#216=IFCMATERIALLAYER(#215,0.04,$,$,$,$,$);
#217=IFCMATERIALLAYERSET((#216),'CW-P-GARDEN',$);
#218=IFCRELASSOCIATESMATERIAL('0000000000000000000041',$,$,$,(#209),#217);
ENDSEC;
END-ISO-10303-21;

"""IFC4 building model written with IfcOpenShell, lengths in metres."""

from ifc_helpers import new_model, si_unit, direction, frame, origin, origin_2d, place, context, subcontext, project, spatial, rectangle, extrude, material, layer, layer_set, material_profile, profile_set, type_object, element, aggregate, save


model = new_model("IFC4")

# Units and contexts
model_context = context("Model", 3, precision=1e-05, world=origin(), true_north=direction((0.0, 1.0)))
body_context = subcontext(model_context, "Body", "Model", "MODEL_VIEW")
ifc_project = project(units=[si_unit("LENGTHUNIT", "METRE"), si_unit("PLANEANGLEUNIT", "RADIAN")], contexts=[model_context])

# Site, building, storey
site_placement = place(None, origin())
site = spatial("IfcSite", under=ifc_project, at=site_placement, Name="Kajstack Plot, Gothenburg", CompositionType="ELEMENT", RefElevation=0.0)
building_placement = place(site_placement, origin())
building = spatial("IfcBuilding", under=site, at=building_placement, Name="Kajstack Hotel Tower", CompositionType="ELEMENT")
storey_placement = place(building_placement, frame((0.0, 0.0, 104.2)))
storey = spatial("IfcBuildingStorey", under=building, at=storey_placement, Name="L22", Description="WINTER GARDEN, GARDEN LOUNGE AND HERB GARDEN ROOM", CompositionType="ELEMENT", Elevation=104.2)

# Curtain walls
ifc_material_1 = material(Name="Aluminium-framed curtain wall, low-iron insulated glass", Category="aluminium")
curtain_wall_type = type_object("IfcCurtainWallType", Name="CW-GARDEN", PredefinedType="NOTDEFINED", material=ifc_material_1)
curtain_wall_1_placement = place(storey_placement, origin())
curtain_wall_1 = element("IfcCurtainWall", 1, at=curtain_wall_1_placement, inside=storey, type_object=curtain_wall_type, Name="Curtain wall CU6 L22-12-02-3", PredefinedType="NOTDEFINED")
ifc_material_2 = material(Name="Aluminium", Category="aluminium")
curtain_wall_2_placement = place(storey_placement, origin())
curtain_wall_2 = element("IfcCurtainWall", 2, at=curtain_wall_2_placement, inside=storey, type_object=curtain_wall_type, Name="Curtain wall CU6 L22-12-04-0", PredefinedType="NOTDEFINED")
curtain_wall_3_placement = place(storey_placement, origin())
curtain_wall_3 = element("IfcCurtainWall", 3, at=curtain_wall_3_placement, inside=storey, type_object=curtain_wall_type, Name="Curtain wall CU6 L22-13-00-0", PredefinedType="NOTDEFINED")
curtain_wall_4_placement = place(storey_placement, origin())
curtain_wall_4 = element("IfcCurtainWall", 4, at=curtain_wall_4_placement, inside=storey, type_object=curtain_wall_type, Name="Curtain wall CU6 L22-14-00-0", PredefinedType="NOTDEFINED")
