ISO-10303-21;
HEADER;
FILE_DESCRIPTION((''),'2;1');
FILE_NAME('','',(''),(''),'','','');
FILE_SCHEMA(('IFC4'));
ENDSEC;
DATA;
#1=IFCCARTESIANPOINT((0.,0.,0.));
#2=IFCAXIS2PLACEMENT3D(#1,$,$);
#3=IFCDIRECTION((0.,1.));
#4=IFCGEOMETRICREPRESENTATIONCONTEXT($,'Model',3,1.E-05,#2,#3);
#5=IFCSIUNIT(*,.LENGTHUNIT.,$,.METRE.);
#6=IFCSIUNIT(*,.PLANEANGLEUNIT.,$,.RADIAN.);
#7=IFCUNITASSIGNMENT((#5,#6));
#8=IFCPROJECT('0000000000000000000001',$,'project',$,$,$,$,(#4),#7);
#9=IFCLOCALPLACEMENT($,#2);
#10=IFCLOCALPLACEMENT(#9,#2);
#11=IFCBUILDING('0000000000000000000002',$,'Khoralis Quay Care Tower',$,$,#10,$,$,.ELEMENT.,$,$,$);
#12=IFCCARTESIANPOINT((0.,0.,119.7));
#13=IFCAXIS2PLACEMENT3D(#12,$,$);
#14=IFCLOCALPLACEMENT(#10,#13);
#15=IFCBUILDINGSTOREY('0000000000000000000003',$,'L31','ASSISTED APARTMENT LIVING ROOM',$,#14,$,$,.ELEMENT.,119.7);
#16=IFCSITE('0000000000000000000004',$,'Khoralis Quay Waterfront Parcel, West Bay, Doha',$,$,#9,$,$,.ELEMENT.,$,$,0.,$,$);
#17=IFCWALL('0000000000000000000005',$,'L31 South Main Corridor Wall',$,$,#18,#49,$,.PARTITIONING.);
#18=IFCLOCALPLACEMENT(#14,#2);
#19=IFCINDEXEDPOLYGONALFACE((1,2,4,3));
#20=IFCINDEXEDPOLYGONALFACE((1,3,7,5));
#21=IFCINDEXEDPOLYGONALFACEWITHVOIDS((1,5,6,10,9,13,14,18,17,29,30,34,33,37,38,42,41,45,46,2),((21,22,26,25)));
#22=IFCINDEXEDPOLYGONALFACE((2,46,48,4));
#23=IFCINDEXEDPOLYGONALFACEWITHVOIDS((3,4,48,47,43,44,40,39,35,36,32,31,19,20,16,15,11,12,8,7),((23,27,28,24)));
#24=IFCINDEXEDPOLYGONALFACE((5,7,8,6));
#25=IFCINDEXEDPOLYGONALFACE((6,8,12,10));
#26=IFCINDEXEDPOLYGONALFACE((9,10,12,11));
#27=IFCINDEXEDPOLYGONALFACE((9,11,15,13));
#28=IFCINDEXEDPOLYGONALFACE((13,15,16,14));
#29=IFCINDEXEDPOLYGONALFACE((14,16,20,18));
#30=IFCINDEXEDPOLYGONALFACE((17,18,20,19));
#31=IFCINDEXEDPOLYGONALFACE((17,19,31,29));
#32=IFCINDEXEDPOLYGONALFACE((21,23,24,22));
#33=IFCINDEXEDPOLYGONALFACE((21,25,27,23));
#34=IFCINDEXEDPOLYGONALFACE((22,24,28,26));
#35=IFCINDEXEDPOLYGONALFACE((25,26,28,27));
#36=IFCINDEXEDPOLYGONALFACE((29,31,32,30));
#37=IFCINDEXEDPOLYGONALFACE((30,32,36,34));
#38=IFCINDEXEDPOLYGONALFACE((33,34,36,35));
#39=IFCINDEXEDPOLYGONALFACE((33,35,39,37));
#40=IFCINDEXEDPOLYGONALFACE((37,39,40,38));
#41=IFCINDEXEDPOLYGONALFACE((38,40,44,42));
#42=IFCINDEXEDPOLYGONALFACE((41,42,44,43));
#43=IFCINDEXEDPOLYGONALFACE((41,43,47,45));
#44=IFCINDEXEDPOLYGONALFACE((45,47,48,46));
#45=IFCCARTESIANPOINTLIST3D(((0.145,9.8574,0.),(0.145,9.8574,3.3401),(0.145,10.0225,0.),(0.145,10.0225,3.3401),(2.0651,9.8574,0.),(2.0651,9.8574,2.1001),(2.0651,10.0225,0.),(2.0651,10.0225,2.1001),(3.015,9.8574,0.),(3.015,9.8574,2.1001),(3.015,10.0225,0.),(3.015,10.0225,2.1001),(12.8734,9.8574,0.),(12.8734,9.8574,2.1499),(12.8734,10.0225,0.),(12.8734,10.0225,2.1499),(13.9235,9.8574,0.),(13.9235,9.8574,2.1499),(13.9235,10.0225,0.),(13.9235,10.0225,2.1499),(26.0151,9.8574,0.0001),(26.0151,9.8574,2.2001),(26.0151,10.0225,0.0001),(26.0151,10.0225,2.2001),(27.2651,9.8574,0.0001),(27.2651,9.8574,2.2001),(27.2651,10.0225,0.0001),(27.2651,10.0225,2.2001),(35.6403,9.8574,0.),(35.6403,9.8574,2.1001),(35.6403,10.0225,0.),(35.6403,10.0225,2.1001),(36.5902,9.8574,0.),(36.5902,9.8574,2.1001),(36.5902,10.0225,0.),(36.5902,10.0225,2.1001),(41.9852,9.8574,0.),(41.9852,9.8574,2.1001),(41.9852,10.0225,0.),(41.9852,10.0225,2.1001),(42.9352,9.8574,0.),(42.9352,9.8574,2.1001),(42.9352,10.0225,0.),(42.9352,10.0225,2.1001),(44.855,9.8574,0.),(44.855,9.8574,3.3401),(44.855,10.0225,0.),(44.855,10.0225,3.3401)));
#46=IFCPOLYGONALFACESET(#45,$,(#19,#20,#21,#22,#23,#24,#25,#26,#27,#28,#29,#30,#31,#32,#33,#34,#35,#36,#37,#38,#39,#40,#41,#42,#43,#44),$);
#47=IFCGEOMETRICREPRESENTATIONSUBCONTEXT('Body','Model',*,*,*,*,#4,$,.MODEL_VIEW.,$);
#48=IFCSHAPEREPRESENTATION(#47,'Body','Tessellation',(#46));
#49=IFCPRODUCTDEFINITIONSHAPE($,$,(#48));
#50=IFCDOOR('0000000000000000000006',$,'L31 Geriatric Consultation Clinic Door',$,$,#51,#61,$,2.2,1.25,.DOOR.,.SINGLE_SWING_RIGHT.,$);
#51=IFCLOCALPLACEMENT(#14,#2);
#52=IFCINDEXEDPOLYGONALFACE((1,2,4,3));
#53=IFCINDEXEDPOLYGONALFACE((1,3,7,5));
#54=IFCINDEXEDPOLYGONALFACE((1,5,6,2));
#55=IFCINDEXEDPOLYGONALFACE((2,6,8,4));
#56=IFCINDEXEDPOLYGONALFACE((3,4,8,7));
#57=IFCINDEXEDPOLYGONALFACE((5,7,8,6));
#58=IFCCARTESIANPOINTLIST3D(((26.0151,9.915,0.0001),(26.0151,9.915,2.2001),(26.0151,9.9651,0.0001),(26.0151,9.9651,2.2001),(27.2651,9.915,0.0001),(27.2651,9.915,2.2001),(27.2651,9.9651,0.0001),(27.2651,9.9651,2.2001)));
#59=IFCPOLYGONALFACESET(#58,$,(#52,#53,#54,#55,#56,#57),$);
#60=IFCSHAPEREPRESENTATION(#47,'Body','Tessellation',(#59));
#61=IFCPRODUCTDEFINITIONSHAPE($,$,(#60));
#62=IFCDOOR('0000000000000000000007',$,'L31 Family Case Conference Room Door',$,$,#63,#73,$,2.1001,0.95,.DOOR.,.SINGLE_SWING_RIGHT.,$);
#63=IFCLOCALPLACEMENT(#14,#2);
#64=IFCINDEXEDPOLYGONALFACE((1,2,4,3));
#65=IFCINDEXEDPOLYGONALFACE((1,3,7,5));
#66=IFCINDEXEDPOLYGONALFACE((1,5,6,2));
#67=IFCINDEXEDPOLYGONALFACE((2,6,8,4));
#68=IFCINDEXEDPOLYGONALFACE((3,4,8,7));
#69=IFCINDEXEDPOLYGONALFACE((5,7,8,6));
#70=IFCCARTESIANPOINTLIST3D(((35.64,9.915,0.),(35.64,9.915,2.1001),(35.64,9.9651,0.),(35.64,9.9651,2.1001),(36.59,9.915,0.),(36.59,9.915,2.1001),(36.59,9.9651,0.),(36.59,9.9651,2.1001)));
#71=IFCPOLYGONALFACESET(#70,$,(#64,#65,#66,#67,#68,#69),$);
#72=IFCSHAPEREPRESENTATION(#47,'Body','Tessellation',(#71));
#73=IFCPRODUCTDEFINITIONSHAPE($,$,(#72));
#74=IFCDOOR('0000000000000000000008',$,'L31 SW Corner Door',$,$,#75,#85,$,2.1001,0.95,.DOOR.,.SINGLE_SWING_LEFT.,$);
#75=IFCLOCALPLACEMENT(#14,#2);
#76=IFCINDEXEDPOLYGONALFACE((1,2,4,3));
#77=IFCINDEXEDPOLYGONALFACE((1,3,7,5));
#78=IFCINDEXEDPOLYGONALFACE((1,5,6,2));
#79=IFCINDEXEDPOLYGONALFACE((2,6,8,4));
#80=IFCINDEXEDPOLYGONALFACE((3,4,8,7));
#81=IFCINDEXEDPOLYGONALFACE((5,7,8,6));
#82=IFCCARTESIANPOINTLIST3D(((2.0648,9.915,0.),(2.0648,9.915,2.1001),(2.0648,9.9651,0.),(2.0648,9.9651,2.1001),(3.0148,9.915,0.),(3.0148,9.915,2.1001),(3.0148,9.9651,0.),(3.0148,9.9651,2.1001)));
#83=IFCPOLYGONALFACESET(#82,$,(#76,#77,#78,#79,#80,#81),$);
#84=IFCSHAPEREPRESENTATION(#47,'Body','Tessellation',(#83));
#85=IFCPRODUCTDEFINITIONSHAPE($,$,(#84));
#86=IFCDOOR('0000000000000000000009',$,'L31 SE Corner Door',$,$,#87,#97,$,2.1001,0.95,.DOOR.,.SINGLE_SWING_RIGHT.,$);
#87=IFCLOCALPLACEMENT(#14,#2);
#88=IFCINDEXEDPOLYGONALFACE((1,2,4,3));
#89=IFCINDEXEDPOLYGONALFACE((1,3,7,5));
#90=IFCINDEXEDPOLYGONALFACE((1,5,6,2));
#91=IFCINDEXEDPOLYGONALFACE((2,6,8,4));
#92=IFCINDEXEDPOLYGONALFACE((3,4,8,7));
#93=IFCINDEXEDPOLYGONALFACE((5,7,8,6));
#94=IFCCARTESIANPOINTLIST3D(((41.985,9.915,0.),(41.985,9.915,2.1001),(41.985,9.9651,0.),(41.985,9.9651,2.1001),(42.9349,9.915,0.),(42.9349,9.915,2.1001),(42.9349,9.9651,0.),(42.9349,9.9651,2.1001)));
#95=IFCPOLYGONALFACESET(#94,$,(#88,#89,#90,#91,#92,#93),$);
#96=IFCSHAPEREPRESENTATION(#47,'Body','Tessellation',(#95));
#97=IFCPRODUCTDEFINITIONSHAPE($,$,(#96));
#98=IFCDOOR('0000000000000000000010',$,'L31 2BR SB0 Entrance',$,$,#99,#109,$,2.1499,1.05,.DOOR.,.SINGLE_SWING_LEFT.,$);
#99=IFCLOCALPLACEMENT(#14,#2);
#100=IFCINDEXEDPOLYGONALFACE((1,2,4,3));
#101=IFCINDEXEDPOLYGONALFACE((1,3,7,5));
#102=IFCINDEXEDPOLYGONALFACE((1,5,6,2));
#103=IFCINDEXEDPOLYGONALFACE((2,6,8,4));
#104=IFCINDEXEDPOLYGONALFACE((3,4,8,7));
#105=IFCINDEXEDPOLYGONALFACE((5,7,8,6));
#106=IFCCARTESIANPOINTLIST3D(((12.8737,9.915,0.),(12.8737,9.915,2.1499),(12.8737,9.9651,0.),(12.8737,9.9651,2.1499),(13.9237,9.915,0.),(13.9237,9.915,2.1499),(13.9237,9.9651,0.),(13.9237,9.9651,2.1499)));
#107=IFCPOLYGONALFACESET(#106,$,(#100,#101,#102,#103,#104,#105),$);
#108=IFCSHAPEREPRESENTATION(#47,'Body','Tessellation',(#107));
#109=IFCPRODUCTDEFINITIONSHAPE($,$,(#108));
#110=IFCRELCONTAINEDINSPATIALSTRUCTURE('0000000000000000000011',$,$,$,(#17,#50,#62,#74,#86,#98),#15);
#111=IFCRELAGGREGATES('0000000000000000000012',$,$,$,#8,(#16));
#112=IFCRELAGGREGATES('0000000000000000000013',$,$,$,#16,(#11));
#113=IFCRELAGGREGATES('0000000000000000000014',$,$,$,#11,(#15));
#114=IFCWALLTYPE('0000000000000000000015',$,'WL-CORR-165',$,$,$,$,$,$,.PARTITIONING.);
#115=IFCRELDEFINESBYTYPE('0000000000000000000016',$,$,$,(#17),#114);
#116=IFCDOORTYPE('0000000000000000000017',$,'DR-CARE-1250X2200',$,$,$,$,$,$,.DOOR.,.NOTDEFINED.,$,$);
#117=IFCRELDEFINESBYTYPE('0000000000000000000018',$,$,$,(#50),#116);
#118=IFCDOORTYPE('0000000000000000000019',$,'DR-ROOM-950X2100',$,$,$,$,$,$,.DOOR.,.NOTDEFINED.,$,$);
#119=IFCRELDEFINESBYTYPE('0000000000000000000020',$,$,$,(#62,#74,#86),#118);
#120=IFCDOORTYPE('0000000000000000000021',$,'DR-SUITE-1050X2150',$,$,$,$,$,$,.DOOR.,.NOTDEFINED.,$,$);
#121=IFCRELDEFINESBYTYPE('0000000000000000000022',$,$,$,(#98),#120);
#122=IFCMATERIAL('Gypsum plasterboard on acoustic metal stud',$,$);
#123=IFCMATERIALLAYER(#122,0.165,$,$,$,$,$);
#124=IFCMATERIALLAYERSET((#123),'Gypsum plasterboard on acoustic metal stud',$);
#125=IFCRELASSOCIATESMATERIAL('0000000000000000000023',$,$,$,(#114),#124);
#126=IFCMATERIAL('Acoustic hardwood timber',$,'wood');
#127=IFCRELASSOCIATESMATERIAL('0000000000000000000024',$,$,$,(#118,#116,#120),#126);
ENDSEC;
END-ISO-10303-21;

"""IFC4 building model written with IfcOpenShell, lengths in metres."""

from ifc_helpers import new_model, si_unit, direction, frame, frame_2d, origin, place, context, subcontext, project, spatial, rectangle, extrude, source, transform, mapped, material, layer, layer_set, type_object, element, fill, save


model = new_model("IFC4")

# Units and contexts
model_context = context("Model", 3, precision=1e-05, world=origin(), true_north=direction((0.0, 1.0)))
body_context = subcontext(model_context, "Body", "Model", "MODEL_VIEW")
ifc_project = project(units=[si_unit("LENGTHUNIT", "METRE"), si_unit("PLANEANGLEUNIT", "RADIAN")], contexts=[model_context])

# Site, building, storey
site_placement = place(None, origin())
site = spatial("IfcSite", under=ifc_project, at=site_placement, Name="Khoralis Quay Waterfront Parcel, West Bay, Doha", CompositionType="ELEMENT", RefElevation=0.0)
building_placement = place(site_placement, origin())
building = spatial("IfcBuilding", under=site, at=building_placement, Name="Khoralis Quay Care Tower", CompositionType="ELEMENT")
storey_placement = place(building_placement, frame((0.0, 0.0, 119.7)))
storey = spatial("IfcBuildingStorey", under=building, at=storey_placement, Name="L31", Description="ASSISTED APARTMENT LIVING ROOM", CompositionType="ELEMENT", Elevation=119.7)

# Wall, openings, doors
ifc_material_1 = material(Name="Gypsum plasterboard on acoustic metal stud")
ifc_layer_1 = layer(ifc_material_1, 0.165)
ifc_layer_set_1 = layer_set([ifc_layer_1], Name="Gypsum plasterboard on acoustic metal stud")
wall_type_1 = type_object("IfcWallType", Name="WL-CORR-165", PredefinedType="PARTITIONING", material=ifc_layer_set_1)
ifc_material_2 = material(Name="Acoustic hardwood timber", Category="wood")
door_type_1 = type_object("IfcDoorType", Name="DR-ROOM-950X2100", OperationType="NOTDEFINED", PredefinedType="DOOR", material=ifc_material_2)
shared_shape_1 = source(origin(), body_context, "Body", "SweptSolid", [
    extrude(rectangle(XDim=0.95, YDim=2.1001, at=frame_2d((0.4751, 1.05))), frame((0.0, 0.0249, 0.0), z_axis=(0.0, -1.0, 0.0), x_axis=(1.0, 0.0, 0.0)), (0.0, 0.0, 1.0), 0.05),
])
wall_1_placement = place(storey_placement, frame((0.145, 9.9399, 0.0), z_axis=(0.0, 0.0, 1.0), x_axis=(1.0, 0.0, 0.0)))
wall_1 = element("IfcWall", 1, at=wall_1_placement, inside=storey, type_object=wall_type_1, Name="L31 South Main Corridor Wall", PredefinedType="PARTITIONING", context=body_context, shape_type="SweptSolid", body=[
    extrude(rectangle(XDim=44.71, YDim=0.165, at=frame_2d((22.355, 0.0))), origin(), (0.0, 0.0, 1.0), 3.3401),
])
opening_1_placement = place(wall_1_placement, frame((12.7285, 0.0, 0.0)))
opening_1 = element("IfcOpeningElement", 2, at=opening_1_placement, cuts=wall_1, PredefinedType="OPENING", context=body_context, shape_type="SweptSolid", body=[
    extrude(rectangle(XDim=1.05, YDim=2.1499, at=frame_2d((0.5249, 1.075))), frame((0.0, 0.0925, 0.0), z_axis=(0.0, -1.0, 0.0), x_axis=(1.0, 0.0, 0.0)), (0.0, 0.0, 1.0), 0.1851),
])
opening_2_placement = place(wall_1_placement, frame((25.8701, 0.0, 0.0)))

+-------+

**What is being asked:** In the entries above, find the line holding "#1=IFCCARTESIANPOINT((0.,0.,0.));" and the line holding "#10=IFCLOCALPLACEMENT(#9,#2);"; print both of them and every line between, exactly, and nothing else.

**Solution for this task:**
#1=IFCCARTESIANPOINT((0.,0.,0.));
#2=IFCAXIS2PLACEMENT3D(#1,$,$);
#3=IFCDIRECTION((0.,1.));
#4=IFCGEOMETRICREPRESENTATIONCONTEXT($,'Model',3,1.E-05,#2,#3);
#5=IFCSIUNIT(*,.LENGTHUNIT.,$,.METRE.);
#6=IFCSIUNIT(*,.PLANEANGLEUNIT.,$,.RADIAN.);
#7=IFCUNITASSIGNMENT((#5,#6));
#8=IFCPROJECT('0000000000000000000001',$,'project',$,$,$,$,(#4),#7);
#9=IFCLOCALPLACEMENT($,#2);
#10=IFCLOCALPLACEMENT(#9,#2);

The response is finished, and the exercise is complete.